Could you return every line of the records below that contains the word "IFCSHAPEREPRESENTATION"?

-- Data excerpts follows --

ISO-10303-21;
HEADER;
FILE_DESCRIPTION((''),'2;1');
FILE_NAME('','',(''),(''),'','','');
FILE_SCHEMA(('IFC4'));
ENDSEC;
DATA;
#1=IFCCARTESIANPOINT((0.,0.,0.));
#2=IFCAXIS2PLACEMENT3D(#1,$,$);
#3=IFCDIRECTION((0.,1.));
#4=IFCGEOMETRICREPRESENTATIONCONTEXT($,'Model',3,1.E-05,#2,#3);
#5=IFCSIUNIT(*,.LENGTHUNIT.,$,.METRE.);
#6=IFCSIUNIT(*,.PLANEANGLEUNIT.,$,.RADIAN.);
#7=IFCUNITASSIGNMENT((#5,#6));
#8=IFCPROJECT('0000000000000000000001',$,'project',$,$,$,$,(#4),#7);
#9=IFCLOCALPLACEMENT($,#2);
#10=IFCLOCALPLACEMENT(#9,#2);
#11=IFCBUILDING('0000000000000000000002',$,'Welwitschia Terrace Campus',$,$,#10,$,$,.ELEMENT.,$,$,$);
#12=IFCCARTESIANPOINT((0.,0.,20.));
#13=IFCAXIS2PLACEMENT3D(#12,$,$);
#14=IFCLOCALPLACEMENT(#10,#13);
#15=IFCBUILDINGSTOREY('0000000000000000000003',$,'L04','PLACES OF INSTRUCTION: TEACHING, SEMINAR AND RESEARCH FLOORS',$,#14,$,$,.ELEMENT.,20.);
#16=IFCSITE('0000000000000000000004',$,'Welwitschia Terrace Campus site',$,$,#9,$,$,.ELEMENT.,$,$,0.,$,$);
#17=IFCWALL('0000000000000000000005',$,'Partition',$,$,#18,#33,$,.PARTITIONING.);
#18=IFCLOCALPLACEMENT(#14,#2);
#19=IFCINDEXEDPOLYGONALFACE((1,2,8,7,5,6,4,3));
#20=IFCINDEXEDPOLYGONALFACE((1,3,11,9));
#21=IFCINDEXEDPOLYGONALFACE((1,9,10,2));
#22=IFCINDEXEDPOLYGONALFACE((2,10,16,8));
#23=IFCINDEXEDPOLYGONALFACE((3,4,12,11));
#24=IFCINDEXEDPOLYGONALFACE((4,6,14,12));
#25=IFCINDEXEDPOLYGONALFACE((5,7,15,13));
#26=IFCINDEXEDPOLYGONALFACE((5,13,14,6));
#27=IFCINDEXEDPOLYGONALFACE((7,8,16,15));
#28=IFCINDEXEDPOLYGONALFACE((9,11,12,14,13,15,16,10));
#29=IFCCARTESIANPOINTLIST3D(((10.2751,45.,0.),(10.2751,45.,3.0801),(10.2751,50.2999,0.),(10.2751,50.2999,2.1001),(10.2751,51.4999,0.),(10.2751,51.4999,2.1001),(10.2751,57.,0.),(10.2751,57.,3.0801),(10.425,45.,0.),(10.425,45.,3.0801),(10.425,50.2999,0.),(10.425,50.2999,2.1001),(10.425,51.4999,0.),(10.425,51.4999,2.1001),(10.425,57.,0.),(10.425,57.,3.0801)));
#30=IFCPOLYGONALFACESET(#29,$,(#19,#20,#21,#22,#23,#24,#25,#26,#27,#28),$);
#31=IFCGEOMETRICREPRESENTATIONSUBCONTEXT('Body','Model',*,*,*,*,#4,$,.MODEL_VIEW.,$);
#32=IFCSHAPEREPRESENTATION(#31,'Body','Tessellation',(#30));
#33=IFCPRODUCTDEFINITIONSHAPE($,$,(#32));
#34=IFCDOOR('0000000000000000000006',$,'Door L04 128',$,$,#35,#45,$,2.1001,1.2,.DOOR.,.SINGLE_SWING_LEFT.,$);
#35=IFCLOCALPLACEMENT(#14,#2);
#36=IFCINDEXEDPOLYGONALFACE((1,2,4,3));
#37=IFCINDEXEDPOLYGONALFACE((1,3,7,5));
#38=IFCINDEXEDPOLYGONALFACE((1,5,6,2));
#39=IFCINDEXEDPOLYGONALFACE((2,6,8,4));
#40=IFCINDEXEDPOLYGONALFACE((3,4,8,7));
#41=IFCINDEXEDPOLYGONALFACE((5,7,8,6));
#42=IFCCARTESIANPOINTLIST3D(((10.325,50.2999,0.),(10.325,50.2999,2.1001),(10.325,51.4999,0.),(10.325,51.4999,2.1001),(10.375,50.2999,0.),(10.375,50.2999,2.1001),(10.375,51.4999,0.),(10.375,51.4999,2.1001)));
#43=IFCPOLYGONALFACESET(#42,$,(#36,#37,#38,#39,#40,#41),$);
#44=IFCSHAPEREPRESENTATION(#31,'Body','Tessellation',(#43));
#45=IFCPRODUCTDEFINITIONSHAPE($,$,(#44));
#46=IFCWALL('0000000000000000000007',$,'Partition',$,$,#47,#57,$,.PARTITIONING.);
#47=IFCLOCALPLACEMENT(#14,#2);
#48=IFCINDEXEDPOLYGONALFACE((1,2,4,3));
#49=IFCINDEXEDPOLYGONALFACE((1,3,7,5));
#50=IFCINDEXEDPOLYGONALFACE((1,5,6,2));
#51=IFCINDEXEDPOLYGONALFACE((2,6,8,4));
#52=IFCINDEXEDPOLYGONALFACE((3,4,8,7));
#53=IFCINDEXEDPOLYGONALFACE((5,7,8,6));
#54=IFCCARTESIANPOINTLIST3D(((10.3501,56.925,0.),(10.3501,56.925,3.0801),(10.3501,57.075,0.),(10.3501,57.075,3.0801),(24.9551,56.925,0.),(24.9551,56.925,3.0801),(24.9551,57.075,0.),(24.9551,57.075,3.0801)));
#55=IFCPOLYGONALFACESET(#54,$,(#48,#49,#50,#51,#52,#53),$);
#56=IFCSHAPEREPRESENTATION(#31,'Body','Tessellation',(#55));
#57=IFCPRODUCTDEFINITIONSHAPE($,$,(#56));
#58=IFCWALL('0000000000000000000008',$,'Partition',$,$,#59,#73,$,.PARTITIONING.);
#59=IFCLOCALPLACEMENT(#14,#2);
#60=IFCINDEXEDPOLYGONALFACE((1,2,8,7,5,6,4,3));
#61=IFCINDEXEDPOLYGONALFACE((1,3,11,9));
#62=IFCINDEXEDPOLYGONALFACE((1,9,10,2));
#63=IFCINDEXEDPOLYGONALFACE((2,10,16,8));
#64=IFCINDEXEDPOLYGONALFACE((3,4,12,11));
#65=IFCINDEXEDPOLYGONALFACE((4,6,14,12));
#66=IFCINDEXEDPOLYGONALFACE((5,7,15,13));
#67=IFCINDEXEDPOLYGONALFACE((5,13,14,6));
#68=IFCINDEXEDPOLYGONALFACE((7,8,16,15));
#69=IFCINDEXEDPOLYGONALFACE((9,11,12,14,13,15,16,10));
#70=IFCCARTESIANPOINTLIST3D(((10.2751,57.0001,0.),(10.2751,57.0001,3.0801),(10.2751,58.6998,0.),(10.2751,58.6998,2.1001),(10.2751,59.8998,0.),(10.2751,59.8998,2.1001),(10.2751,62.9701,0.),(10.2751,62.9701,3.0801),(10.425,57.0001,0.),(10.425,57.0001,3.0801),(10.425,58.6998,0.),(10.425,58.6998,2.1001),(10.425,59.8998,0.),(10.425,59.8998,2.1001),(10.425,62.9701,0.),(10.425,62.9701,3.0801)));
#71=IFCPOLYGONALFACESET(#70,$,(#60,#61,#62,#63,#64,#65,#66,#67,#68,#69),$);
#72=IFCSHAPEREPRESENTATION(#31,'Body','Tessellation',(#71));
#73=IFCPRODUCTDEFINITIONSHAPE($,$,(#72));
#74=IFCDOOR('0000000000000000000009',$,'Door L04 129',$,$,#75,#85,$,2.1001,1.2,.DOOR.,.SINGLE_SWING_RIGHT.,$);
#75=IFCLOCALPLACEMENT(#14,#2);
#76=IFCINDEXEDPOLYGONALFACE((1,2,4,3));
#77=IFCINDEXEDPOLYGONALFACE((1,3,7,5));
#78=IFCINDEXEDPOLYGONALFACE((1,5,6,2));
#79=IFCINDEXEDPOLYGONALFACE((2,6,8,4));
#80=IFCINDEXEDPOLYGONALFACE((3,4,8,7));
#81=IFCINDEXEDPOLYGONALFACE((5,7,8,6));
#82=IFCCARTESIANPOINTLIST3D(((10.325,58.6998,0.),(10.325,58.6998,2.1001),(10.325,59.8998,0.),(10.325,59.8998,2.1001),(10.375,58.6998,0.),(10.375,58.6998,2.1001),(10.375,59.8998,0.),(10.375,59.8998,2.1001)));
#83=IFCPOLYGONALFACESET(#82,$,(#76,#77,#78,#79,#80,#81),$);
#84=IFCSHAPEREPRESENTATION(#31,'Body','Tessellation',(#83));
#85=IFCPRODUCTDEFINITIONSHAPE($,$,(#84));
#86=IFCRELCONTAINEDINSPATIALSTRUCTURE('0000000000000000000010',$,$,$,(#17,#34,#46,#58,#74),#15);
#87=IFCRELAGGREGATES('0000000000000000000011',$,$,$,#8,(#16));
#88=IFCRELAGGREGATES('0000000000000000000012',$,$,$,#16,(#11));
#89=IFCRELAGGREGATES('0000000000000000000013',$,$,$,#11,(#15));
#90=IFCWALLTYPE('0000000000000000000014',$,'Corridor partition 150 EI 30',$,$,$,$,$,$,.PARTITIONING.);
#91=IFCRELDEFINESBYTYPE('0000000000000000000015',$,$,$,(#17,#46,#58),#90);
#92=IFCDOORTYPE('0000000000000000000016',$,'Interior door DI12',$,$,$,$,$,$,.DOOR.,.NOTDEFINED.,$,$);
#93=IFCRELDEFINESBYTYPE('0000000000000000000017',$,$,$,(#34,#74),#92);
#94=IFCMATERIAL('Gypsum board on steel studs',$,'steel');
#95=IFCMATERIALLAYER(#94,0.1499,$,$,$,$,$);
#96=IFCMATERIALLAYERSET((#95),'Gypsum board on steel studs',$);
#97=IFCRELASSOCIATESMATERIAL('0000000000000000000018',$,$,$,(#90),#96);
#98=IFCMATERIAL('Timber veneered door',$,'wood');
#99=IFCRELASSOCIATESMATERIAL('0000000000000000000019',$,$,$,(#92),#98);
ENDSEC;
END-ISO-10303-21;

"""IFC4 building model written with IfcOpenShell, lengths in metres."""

from ifc_helpers import new_model, si_unit, direction, frame, frame_2d, origin, place, context, subcontext, project, spatial, rectangle, extrude, material, layer, layer_set, type_object, element, fill, save


model = new_model("IFC4")

# Units and contexts
model_context = context("Model", 3, precision=1e-05, world=origin(), true_north=direction((0.0, 1.0)))
body_context = subcontext(model_context, "Body", "Model", "MODEL_VIEW")
ifc_project = project(units=[si_unit("LENGTHUNIT", "METRE"), si_unit("PLANEANGLEUNIT", "RADIAN")], contexts=[model_context])

# Site, building, storey
site_placement = place(None, origin())
site = spatial("IfcSite", under=ifc_project, at=site_placement, Name="Welwitschia Terrace Campus site", CompositionType="ELEMENT", RefElevation=0.0)
building_placement = place(site_placement, origin())
building = spatial("IfcBuilding", under=site, at=building_placement, Name="Welwitschia Terrace Campus", CompositionType="ELEMENT")
storey_placement = place(building_placement, frame((0.0, 0.0, 20.0)))
storey = spatial("IfcBuildingStorey", under=building, at=storey_placement, Name="L04", Description="PLACES OF INSTRUCTION: TEACHING, SEMINAR AND RESEARCH FLOORS", CompositionType="ELEMENT", Elevation=20.0)

# Shared definitions
ifc_material_1 = material(Name="Gypsum board on steel studs", Category="steel")
ifc_layer_1 = layer(ifc_material_1, 0.1499)
ifc_layer_set_1 = layer_set([ifc_layer_1], Name="Gypsum board on steel studs")
wall_type = type_object("IfcWallType", Name="Corridor partition 150 EI 30", PredefinedType="PARTITIONING", material=ifc_layer_set_1)
ifc_material_2 = material(Name="Timber veneered door", Category="wood")
door_type_1 = type_object("IfcDoorType", Name="Interior door DI12", OperationType="NOTDEFINED", PredefinedType="DOOR", material=ifc_material_2)

# Wall, opening, door
wall_1_placement = place(storey_placement, frame((10.3501, 57.0, 0.0), z_axis=(0.0, 0.0, 1.0), x_axis=(0.0, -1.0, 0.0)))
wall_1 = element("IfcWall", 1, at=wall_1_placement, inside=storey, type_object=wall_type, Name="Partition", PredefinedType="PARTITIONING", context=body_context, shape_type="SweptSolid", body=[
    extrude(rectangle(XDim=12.0, YDim=0.1499, at=frame_2d((6.0, 0.0))), origin(), (0.0, 0.0, 1.0), 3.0801),
])
opening_1_placement = place(wall_1_placement, frame((5.5, 0.0, 0.0)))
opening_1 = element("IfcOpeningElement", 2, at=opening_1_placement, cuts=wall_1, PredefinedType="OPENING", context=body_context, shape_type="SweptSolid", body=[
    extrude(rectangle(XDim=1.2, YDim=2.1001, at=frame_2d((0.6001, 1.05))), frame((0.0, 0.085, 0.0), z_axis=(0.0, -1.0, 0.0), x_axis=(1.0, 0.0, 0.0)), (0.0, 0.0, 1.0), 0.1699),
])
door_1_placement = place(opening_1_placement, origin())
door_1 = element("IfcDoor", 3, at=door_1_placement, inside=storey, type_object=door_type_1, Name="Door L04 128", OperationType="SINGLE_SWING_LEFT", OverallHeight=2.1001, OverallWidth=1.2, PredefinedType="DOOR", context=body_context, shape_type="SweptSolid", body=[
    extrude(rectangle(XDim=1.2, YDim=2.1001, at=frame_2d((0.6001, 1.05))), frame((0.0, 0.0249, 0.0), z_axis=(0.0, -1.0, 0.0), x_axis=(1.0, 0.0, 0.0)), (0.0, 0.0, 1.0), 0.05),
])
fill(opening_1, door_1)

# Wall
wall_2_placement = place(storey_placement, frame((10.3501, 57.0, 0.0), z_axis=(0.0, 0.0, 1.0), x_axis=(1.0, 0.0, 0.0)))
element("IfcWall", 4, at=wall_2_placement, inside=storey, type_object=wall_type, Name="Partition", PredefinedType="PARTITIONING", context=body_context, shape_type="SweptSolid", body=[
    extrude(rectangle(XDim=14.605, YDim=0.1499, at=frame_2d((7.3025, 0.0))), origin(), (0.0, 0.0, 1.0), 3.0801),
])

# Wall, opening, door
wall_3_placement = place(storey_placement, frame((10.3501, 62.97, 0.0), z_axis=(0.0, 0.0, 1.0), x_axis=(0.0, -1.0, 0.0)))
wall_3 = element("IfcWall", 5, at=wall_3_placement, inside=storey, type_object=wall_type, Name="Partition", PredefinedType="PARTITIONING", context=body_context, shape_type="SweptSolid", body=[
    extrude(rectangle(XDim=5.97, YDim=0.1499, at=frame_2d((2.9849, 0.0))), origin(), (0.0, 0.0, 1.0), 3.0801),
])
opening_2_placement = place(wall_3_placement, frame((3.0701, 0.0, 0.0)))
opening_2 = element("IfcOpeningElement", 6, at=opening_2_placement, cuts=wall_3, PredefinedType="OPENING", context=body_context, shape_type="SweptSolid", body=[
    extrude(rectangle(XDim=1.2, YDim=2.1001, at=frame_2d((0.6001, 1.05))), frame((0.0, 0.085, 0.0), z_axis=(0.0, -1.0, 0.0), x_axis=(1.0, 0.0, 0.0)), (0.0, 0.0, 1.0), 0.1699),
])
door_2_placement = place(opening_2_placement, origin())
door_2 = element("IfcDoor", 7, at=door_2_placement, inside=storey, type_object=door_type_1, Name="Door L04 129", OperationType="SINGLE_SWING_RIGHT", OverallHeight=2.1001, OverallWidth=1.2, PredefinedType="DOOR", context=body_context, shape_type="SweptSolid", body=[
    extrude(rectangle(XDim=1.2, YDim=2.1001, at=frame_2d((0.6001, 1.05))), frame((0.0, 0.0249, 0.0), z_axis=(0.0, -1.0, 0.0), x_axis=(1.0, 0.0, 0.0)), (0.0, 0.0, 1.0), 0.05),
])
fill(opening_2, door_2)

save(model, "model.ifc")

-- Data excerpts concluded --

- _Expected answer_
#32=IFCSHAPEREPRESENTATION(#31,'Body','Tessellation',(#30));
#44=IFCSHAPEREPRESENTATION(#31,'Body','Tessellation',(#43));
#56=IFCSHAPEREPRESENTATION(#31,'Body','Tessellation',(#55));
#72=IFCSHAPEREPRESENTATION(#31,'Body','Tessellation',(#71));
#84=IFCSHAPEREPRESENTATION(#31,'Body','Tessellation',(#83));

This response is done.